• [DATASET CONTENT]
==========
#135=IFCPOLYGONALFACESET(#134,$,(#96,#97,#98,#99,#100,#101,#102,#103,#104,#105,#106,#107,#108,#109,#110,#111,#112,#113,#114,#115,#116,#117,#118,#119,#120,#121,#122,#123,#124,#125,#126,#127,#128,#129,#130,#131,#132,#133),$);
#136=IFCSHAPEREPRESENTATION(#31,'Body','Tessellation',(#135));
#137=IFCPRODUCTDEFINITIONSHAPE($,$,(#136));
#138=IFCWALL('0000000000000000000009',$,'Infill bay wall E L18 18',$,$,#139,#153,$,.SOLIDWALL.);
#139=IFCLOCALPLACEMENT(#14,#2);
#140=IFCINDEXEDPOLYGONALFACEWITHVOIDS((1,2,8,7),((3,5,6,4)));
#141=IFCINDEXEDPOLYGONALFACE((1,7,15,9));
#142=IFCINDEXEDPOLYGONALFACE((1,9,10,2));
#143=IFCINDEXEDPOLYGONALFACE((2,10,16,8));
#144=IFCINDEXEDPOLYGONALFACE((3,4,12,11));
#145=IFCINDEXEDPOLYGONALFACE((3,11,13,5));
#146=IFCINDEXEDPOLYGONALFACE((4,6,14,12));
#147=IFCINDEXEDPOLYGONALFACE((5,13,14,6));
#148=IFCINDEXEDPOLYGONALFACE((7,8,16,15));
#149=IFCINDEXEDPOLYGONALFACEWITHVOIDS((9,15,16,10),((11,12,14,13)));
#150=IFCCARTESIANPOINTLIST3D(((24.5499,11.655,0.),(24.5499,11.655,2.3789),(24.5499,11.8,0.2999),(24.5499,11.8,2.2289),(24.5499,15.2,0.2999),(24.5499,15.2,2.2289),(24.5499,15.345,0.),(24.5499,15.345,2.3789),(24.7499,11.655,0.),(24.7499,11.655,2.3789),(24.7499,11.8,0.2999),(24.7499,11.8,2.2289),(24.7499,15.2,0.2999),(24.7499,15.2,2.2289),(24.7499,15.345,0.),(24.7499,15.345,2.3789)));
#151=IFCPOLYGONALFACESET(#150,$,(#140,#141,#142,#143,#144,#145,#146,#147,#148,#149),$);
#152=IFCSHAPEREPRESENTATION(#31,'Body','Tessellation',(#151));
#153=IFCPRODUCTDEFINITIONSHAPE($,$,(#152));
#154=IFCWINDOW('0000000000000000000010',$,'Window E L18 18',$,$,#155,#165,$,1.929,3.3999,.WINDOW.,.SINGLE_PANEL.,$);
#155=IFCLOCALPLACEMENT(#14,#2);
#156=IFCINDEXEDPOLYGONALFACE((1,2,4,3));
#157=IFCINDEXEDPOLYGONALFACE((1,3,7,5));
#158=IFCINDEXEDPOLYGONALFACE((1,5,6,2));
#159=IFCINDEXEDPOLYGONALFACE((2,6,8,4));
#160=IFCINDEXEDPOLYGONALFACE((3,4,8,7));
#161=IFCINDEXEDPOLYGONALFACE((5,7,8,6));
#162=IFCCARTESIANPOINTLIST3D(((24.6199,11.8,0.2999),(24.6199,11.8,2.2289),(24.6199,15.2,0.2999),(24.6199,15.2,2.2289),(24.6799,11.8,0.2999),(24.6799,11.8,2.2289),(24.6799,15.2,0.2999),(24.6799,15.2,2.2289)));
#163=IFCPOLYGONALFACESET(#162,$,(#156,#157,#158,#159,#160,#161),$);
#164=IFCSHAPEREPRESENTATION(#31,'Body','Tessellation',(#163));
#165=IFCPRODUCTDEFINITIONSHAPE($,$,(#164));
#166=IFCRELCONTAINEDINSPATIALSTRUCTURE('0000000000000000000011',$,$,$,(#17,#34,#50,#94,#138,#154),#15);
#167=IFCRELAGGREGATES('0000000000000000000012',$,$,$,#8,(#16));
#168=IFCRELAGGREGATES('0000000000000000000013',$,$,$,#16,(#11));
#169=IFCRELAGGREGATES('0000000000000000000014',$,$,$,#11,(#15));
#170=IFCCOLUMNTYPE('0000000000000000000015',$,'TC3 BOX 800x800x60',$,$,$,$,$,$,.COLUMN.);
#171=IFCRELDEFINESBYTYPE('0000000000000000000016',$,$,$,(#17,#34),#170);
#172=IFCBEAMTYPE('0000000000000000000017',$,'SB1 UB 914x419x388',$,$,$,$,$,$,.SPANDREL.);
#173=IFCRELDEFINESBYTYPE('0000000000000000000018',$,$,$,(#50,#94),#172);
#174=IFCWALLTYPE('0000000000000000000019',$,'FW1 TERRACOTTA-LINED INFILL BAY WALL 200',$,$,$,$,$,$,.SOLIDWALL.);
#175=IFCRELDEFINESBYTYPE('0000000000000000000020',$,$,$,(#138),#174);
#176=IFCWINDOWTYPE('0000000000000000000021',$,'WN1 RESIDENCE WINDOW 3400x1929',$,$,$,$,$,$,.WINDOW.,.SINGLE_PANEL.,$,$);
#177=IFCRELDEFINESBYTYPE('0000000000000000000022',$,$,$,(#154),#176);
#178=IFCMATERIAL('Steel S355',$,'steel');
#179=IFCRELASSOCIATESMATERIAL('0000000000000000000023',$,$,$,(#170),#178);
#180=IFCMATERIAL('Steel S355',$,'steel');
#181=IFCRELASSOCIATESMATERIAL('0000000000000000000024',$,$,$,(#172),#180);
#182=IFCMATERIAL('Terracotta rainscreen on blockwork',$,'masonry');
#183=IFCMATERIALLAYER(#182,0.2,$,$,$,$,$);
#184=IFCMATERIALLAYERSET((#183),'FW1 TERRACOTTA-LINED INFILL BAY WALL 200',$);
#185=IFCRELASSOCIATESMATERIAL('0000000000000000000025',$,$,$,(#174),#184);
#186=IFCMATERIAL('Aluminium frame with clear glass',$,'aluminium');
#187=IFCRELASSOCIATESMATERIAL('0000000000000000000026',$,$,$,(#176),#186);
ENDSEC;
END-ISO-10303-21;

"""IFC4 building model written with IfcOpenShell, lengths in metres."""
==========
• [WORK TASK]
Transcribe all entries word for word.

• [FINAL ANSWER]
#135=IFCPOLYGONALFACESET(#134,$,(#96,#97,#98,#99,#100,#101,#102,#103,#104,#105,#106,#107,#108,#109,#110,#111,#112,#113,#114,#115,#116,#117,#118,#119,#120,#121,#122,#123,#124,#125,#126,#127,#128,#129,#130,#131,#132,#133),$);
#136=IFCSHAPEREPRESENTATION(#31,'Body','Tessellation',(#135));
#137=IFCPRODUCTDEFINITIONSHAPE($,$,(#136));
#138=IFCWALL('0000000000000000000009',$,'Infill bay wall E L18 18',$,$,#139,#153,$,.SOLIDWALL.);
#139=IFCLOCALPLACEMENT(#14,#2);
#140=IFCINDEXEDPOLYGONALFACEWITHVOIDS((1,2,8,7),((3,5,6,4)));
#141=IFCINDEXEDPOLYGONALFACE((1,7,15,9));
#142=IFCINDEXEDPOLYGONALFACE((1,9,10,2));
#143=IFCINDEXEDPOLYGONALFACE((2,10,16,8));
#144=IFCINDEXEDPOLYGONALFACE((3,4,12,11));
#145=IFCINDEXEDPOLYGONALFACE((3,11,13,5));
#146=IFCINDEXEDPOLYGONALFACE((4,6,14,12));
#147=IFCINDEXEDPOLYGONALFACE((5,13,14,6));
#148=IFCINDEXEDPOLYGONALFACE((7,8,16,15));
#149=IFCINDEXEDPOLYGONALFACEWITHVOIDS((9,15,16,10),((11,12,14,13)));
#150=IFCCARTESIANPOINTLIST3D(((24.5499,11.655,0.),(24.5499,11.655,2.3789),(24.5499,11.8,0.2999),(24.5499,11.8,2.2289),(24.5499,15.2,0.2999),(24.5499,15.2,2.2289),(24.5499,15.345,0.),(24.5499,15.345,2.3789),(24.7499,11.655,0.),(24.7499,11.655,2.3789),(24.7499,11.8,0.2999),(24.7499,11.8,2.2289),(24.7499,15.2,0.2999),(24.7499,15.2,2.2289),(24.7499,15.345,0.),(24.7499,15.345,2.3789)));
#151=IFCPOLYGONALFACESET(#150,$,(#140,#141,#142,#143,#144,#145,#146,#147,#148,#149),$);
#152=IFCSHAPEREPRESENTATION(#31,'Body','Tessellation',(#151));
#153=IFCPRODUCTDEFINITIONSHAPE($,$,(#152));
#154=IFCWINDOW('0000000000000000000010',$,'Window E L18 18',$,$,#155,#165,$,1.929,3.3999,.WINDOW.,.SINGLE_PANEL.,$);
#155=IFCLOCALPLACEMENT(#14,#2);
#156=IFCINDEXEDPOLYGONALFACE((1,2,4,3));
#157=IFCINDEXEDPOLYGONALFACE((1,3,7,5));
#158=IFCINDEXEDPOLYGONALFACE((1,5,6,2));
#159=IFCINDEXEDPOLYGONALFACE((2,6,8,4));
#160=IFCINDEXEDPOLYGONALFACE((3,4,8,7));
#161=IFCINDEXEDPOLYGONALFACE((5,7,8,6));
#162=IFCCARTESIANPOINTLIST3D(((24.6199,11.8,0.2999),(24.6199,11.8,2.2289),(24.6199,15.2,0.2999),(24.6199,15.2,2.2289),(24.6799,11.8,0.2999),(24.6799,11.8,2.2289),(24.6799,15.2,0.2999),(24.6799,15.2,2.2289)));
#163=IFCPOLYGONALFACESET(#162,$,(#156,#157,#158,#159,#160,#161),$);
#164=IFCSHAPEREPRESENTATION(#31,'Body','Tessellation',(#163));
#165=IFCPRODUCTDEFINITIONSHAPE($,$,(#164));
#166=IFCRELCONTAINEDINSPATIALSTRUCTURE('0000000000000000000011',$,$,$,(#17,#34,#50,#94,#138,#154),#15);
#167=IFCRELAGGREGATES('0000000000000000000012',$,$,$,#8,(#16));
#168=IFCRELAGGREGATES('0000000000000000000013',$,$,$,#16,(#11));
#169=IFCRELAGGREGATES('0000000000000000000014',$,$,$,#11,(#15));
#170=IFCCOLUMNTYPE('0000000000000000000015',$,'TC3 BOX 800x800x60',$,$,$,$,$,$,.COLUMN.);
#171=IFCRELDEFINESBYTYPE('0000000000000000000016',$,$,$,(#17,#34),#170);
#172=IFCBEAMTYPE('0000000000000000000017',$,'SB1 UB 914x419x388',$,$,$,$,$,$,.SPANDREL.);
#173=IFCRELDEFINESBYTYPE('0000000000000000000018',$,$,$,(#50,#94),#172);
#174=IFCWALLTYPE('0000000000000000000019',$,'FW1 TERRACOTTA-LINED INFILL BAY WALL 200',$,$,$,$,$,$,.SOLIDWALL.);
#175=IFCRELDEFINESBYTYPE('0000000000000000000020',$,$,$,(#138),#174);
#176=IFCWINDOWTYPE('0000000000000000000021',$,'WN1 RESIDENCE WINDOW 3400x1929',$,$,$,$,$,$,.WINDOW.,.SINGLE_PANEL.,$,$);
#177=IFCRELDEFINESBYTYPE('0000000000000000000022',$,$,$,(#154),#176);
#178=IFCMATERIAL('Steel S355',$,'steel');
#179=IFCRELASSOCIATESMATERIAL('0000000000000000000023',$,$,$,(#170),#178);
#180=IFCMATERIAL('Steel S355',$,'steel');
#181=IFCRELASSOCIATESMATERIAL('0000000000000000000024',$,$,$,(#172),#180);
#182=IFCMATERIAL('Terracotta rainscreen on blockwork',$,'masonry');
#183=IFCMATERIALLAYER(#182,0.2,$,$,$,$,$);
#184=IFCMATERIALLAYERSET((#183),'FW1 TERRACOTTA-LINED INFILL BAY WALL 200',$);
#185=IFCRELASSOCIATESMATERIAL('0000000000000000000025',$,$,$,(#174),#184);
#186=IFCMATERIAL('Aluminium frame with clear glass',$,'aluminium');
#187=IFCRELASSOCIATESMATERIAL('0000000000000000000026',$,$,$,(#176),#186);
ENDSEC;
END-ISO-10303-21;

"""IFC4 building model written with IfcOpenShell, lengths in metres."""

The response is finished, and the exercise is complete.